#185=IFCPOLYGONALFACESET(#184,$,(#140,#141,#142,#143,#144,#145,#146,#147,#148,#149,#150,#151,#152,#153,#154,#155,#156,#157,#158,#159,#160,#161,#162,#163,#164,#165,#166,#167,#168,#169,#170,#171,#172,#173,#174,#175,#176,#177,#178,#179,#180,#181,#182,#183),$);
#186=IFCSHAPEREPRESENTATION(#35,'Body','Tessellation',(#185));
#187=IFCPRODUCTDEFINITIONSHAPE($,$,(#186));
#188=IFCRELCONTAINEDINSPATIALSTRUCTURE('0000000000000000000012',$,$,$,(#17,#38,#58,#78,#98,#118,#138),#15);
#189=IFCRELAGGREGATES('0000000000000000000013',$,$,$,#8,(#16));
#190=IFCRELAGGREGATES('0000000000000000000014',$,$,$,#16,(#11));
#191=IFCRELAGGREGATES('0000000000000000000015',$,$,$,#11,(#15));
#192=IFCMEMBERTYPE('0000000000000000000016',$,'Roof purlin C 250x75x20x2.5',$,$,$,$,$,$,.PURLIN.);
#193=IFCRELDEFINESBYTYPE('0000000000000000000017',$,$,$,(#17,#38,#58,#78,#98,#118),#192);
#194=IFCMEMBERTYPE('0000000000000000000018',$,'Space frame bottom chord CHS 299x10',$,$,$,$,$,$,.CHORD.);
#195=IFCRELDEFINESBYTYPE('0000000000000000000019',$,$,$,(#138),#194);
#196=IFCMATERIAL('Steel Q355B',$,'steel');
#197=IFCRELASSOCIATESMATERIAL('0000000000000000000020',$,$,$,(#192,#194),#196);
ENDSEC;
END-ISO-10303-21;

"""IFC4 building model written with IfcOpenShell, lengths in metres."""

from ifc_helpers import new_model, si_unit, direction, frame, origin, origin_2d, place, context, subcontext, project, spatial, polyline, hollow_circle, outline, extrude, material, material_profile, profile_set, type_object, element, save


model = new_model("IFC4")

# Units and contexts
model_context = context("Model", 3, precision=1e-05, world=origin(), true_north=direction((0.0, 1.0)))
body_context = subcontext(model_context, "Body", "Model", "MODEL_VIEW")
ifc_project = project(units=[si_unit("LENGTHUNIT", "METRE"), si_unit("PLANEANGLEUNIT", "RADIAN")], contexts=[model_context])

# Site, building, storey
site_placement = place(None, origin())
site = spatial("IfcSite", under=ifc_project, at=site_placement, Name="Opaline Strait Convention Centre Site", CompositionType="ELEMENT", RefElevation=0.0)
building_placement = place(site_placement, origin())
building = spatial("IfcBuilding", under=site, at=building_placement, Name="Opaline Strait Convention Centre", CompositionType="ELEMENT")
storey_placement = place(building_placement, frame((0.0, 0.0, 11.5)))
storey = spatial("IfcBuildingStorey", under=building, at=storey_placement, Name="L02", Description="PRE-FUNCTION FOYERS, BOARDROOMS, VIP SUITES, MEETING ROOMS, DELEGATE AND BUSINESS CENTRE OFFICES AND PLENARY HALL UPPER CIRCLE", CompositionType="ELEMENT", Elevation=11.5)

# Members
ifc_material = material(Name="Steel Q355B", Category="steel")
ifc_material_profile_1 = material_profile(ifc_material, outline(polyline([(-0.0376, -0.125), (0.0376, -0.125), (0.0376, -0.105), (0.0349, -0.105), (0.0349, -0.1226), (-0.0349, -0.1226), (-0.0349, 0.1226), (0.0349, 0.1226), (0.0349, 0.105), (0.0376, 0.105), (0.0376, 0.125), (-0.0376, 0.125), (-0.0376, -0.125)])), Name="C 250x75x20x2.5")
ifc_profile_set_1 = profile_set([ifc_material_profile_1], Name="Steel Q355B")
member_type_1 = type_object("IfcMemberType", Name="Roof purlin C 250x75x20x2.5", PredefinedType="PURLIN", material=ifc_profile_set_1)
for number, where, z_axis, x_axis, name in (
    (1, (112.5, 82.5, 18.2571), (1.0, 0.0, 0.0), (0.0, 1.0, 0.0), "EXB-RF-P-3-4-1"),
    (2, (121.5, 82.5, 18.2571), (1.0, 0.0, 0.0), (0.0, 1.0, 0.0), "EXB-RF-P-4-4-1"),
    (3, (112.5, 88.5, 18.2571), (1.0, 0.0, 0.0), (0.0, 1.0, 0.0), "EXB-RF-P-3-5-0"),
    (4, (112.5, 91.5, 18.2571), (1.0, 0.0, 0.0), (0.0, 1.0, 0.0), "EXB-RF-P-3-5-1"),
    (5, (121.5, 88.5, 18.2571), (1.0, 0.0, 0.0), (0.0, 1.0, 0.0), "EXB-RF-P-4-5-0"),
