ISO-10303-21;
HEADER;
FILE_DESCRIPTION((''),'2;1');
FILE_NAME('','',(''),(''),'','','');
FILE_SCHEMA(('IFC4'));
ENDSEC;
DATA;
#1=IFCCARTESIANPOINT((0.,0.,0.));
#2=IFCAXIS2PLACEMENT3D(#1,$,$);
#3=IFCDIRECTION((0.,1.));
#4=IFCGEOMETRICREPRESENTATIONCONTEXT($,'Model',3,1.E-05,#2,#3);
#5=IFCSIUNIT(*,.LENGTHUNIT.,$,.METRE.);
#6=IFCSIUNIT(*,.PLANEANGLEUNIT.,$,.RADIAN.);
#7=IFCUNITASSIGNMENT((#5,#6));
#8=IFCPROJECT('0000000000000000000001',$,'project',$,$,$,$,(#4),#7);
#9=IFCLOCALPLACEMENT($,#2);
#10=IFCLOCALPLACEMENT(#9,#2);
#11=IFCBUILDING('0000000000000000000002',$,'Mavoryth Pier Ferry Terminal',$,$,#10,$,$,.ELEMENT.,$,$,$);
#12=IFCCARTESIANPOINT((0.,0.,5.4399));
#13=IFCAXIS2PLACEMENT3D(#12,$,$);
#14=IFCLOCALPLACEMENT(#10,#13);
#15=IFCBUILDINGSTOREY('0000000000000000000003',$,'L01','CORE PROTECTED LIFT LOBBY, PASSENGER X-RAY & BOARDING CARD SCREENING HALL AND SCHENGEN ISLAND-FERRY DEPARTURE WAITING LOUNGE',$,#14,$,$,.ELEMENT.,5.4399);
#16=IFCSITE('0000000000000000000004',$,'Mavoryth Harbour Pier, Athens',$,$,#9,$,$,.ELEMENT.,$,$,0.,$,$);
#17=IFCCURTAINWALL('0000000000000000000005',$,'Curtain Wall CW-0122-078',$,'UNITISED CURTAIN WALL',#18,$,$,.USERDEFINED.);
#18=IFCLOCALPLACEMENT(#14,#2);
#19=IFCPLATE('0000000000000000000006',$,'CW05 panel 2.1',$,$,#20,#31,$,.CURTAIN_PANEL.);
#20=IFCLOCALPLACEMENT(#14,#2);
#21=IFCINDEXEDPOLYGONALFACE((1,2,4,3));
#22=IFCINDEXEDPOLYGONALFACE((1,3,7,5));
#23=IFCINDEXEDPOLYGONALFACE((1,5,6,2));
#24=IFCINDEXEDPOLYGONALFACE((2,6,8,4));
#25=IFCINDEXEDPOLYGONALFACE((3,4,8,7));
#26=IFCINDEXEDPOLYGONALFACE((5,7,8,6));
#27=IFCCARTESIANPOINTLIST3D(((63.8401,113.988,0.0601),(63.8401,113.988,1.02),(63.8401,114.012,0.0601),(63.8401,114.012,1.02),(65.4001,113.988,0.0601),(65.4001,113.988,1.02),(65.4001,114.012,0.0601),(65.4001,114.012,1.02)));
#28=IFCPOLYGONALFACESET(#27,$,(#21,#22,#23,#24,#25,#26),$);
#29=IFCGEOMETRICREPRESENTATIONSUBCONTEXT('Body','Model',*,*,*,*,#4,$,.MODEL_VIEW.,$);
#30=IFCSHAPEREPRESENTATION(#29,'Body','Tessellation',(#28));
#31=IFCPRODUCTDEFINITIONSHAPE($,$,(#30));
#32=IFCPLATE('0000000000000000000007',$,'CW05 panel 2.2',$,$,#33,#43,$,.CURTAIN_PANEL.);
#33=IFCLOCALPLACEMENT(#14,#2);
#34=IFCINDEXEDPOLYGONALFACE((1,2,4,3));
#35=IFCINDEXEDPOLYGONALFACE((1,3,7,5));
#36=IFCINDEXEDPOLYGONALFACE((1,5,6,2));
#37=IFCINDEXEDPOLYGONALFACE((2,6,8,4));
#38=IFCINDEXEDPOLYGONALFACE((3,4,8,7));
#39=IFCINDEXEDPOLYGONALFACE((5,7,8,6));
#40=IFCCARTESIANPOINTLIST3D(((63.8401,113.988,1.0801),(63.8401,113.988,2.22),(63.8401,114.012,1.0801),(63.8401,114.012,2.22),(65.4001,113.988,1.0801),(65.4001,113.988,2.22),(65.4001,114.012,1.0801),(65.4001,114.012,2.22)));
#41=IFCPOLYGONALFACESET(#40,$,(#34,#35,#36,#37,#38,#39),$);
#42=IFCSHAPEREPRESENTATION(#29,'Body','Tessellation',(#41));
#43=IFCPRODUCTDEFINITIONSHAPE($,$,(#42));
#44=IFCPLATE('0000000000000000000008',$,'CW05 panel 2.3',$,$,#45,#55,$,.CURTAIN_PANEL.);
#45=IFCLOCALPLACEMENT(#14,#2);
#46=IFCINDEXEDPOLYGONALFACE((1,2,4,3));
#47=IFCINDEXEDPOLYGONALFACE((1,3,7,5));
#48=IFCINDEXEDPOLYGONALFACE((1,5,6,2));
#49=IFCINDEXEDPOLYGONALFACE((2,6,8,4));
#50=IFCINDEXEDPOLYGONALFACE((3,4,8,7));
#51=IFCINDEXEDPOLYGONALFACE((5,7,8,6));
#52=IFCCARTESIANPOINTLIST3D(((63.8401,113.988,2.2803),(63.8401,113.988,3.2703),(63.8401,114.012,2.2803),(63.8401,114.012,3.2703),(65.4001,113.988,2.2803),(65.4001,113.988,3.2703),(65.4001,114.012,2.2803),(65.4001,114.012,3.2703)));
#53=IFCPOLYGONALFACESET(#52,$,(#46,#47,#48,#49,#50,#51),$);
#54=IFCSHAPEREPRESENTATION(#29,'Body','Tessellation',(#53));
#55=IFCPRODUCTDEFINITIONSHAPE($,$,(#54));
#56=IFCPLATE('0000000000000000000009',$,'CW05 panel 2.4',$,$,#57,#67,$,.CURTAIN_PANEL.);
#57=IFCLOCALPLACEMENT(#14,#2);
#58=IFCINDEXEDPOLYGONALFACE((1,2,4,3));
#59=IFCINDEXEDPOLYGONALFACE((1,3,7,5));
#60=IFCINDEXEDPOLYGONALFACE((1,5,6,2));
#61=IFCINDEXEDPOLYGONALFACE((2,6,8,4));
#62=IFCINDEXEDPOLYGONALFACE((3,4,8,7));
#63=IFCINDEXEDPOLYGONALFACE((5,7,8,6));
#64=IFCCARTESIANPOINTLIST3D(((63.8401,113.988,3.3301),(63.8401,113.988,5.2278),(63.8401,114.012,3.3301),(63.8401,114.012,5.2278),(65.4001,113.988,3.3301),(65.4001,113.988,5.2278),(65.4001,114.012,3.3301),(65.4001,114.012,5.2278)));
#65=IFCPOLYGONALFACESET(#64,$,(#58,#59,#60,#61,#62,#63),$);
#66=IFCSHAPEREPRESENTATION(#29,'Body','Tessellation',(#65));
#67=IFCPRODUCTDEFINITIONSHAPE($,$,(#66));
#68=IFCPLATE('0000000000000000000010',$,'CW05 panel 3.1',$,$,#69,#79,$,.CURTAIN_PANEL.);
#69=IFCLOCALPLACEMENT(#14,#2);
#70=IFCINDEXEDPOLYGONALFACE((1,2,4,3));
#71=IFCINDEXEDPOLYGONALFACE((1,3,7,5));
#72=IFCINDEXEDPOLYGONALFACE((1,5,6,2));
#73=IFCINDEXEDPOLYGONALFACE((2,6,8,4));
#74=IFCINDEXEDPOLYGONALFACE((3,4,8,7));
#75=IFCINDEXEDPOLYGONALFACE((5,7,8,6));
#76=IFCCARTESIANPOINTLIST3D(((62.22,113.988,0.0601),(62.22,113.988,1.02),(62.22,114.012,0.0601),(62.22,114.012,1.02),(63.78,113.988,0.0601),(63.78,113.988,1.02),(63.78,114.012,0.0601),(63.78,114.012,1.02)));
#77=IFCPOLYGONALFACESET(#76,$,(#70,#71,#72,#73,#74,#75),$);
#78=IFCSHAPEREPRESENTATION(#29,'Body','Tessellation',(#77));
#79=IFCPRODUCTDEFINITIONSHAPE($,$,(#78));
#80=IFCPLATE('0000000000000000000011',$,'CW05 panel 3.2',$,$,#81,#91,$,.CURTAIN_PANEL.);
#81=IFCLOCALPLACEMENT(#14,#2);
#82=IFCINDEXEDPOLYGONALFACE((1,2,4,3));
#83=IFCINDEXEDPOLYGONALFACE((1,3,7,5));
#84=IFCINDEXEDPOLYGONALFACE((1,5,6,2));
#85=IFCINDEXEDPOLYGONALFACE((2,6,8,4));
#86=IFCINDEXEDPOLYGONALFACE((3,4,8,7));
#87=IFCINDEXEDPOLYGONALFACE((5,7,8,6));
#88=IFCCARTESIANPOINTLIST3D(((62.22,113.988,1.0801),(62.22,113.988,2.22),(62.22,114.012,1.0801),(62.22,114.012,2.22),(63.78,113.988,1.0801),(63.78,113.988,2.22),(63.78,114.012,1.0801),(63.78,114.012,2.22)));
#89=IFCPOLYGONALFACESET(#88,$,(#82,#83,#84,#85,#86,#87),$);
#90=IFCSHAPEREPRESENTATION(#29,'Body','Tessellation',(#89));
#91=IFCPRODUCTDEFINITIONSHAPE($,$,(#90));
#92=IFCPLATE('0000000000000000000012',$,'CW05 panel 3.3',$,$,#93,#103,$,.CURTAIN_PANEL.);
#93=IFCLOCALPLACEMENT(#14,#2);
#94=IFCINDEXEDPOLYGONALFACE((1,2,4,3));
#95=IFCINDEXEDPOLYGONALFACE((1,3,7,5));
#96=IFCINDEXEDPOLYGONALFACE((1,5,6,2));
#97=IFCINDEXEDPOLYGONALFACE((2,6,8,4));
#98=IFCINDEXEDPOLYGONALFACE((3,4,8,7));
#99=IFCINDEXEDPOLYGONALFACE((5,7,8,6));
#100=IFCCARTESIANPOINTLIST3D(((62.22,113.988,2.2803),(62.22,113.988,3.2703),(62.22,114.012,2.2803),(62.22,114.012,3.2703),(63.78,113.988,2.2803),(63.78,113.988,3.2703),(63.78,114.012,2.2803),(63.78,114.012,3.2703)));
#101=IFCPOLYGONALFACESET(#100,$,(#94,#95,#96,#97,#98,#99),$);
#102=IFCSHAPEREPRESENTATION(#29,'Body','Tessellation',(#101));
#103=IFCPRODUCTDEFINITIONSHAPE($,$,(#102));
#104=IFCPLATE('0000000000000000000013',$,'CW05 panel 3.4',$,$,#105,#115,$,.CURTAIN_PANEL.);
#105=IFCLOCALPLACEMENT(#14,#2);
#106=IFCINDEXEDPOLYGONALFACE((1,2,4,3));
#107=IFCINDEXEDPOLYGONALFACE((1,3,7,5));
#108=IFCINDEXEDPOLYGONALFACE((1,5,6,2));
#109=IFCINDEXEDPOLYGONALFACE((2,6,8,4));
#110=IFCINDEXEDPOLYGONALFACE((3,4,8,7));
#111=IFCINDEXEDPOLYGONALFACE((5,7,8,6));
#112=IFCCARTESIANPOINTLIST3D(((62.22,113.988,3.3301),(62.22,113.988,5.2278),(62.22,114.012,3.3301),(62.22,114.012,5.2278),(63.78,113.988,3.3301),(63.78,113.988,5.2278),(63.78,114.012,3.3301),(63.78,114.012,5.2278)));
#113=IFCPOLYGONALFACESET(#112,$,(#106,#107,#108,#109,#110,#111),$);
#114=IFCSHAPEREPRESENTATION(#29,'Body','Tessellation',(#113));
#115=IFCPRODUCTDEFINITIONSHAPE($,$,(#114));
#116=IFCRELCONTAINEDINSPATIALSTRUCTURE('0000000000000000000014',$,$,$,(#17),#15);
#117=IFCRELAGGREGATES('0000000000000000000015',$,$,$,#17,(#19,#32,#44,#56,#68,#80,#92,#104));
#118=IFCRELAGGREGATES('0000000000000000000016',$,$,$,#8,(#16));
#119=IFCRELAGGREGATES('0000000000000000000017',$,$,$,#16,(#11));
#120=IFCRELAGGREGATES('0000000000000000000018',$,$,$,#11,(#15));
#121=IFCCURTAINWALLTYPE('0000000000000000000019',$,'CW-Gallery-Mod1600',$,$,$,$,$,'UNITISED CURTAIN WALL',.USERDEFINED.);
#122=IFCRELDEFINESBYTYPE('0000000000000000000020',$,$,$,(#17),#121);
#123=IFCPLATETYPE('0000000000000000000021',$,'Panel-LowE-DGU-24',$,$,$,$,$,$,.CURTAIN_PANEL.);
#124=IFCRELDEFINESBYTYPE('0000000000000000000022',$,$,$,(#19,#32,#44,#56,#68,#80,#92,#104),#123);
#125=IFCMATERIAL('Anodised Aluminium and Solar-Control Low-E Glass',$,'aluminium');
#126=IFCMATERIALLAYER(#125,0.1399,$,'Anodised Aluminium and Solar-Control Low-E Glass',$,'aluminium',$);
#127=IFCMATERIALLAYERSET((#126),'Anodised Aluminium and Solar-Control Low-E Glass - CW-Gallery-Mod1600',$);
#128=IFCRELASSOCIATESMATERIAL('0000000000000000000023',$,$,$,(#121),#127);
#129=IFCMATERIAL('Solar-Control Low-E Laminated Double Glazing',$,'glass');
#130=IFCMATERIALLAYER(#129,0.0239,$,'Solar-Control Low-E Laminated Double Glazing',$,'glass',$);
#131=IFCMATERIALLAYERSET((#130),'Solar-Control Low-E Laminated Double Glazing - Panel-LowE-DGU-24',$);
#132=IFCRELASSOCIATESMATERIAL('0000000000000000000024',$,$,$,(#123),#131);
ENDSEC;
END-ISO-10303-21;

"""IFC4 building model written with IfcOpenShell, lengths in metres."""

from ifc_helpers import new_model, si_unit, direction, frame, origin, origin_2d, place, context, subcontext, project, spatial, rectangle, extrude, material, layer, layer_set, type_object, element, aggregate, save


model = new_model("IFC4")

# Units and contexts
model_context = context("Model", 3, precision=1e-05, world=origin(), true_north=direction((0.0, 1.0)))
body_context = subcontext(model_context, "Body", "Model", "MODEL_VIEW")
ifc_project = project(units=[si_unit("LENGTHUNIT", "METRE"), si_unit("PLANEANGLEUNIT", "RADIAN")], contexts=[model_context])

# Site, building, storey
site_placement = place(None, origin())
site = spatial("IfcSite", under=ifc_project, at=site_placement, Name="Mavoryth Harbour Pier, Athens", CompositionType="ELEMENT", RefElevation=0.0)
building_placement = place(site_placement, origin())
building = spatial("IfcBuilding", under=site, at=building_placement, Name="Mavoryth Pier Ferry Terminal", CompositionType="ELEMENT")
storey_placement = place(building_placement, frame((0.0, 0.0, 5.4399)))
storey = spatial("IfcBuildingStorey", under=building, at=storey_placement, Name="L01", Description="CORE PROTECTED LIFT LOBBY, PASSENGER X-RAY & BOARDING CARD SCREENING HALL AND SCHENGEN ISLAND-FERRY DEPARTURE WAITING LOUNGE", CompositionType="ELEMENT", Elevation=5.4399)

# Curtain wall
ifc_material_1 = material(Name="Anodised Aluminium and Solar-Control Low-E Glass", Category="aluminium")
ifc_layer_1 = layer(ifc_material_1, 0.1399, Name="Anodised Aluminium and Solar-Control Low-E Glass", Category="aluminium")
ifc_layer_set_1 = layer_set([ifc_layer_1], Name="Anodised Aluminium and Solar-Control Low-E Glass - CW-Gallery-Mod1600")
curtain_wall_type = type_object("IfcCurtainWallType", Name="CW-Gallery-Mod1600", ElementType="UNITISED CURTAIN WALL", PredefinedType="USERDEFINED", material=ifc_layer_set_1)
curtain_wall_placement = place(storey_placement, origin())
curtain_wall = element("IfcCurtainWall", 1, at=curtain_wall_placement, inside=storey, type_object=curtain_wall_type, Name="Curtain Wall CW-0122-078", ObjectType="UNITISED CURTAIN WALL", PredefinedType="USERDEFINED")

##############################

*YOUR ASSIGNMENT:* For each line in the data above that contains the string "IFCRELDEFINESBYTYPE", extract the line.

*REPLY:*
#193=IFCRELDEFINESBYTYPE('0000000000000000000017',$,$,$,(#17,#38,#58,#78,#98,#118),#192);
#195=IFCRELDEFINESBYTYPE('0000000000000000000019',$,$,$,(#138),#194);
#122=IFCRELDEFINESBYTYPE('0000000000000000000020',$,$,$,(#17),#121);
#124=IFCRELDEFINESBYTYPE('0000000000000000000022',$,$,$,(#19,#32,#44,#56,#68,#80,#92,#104),#123);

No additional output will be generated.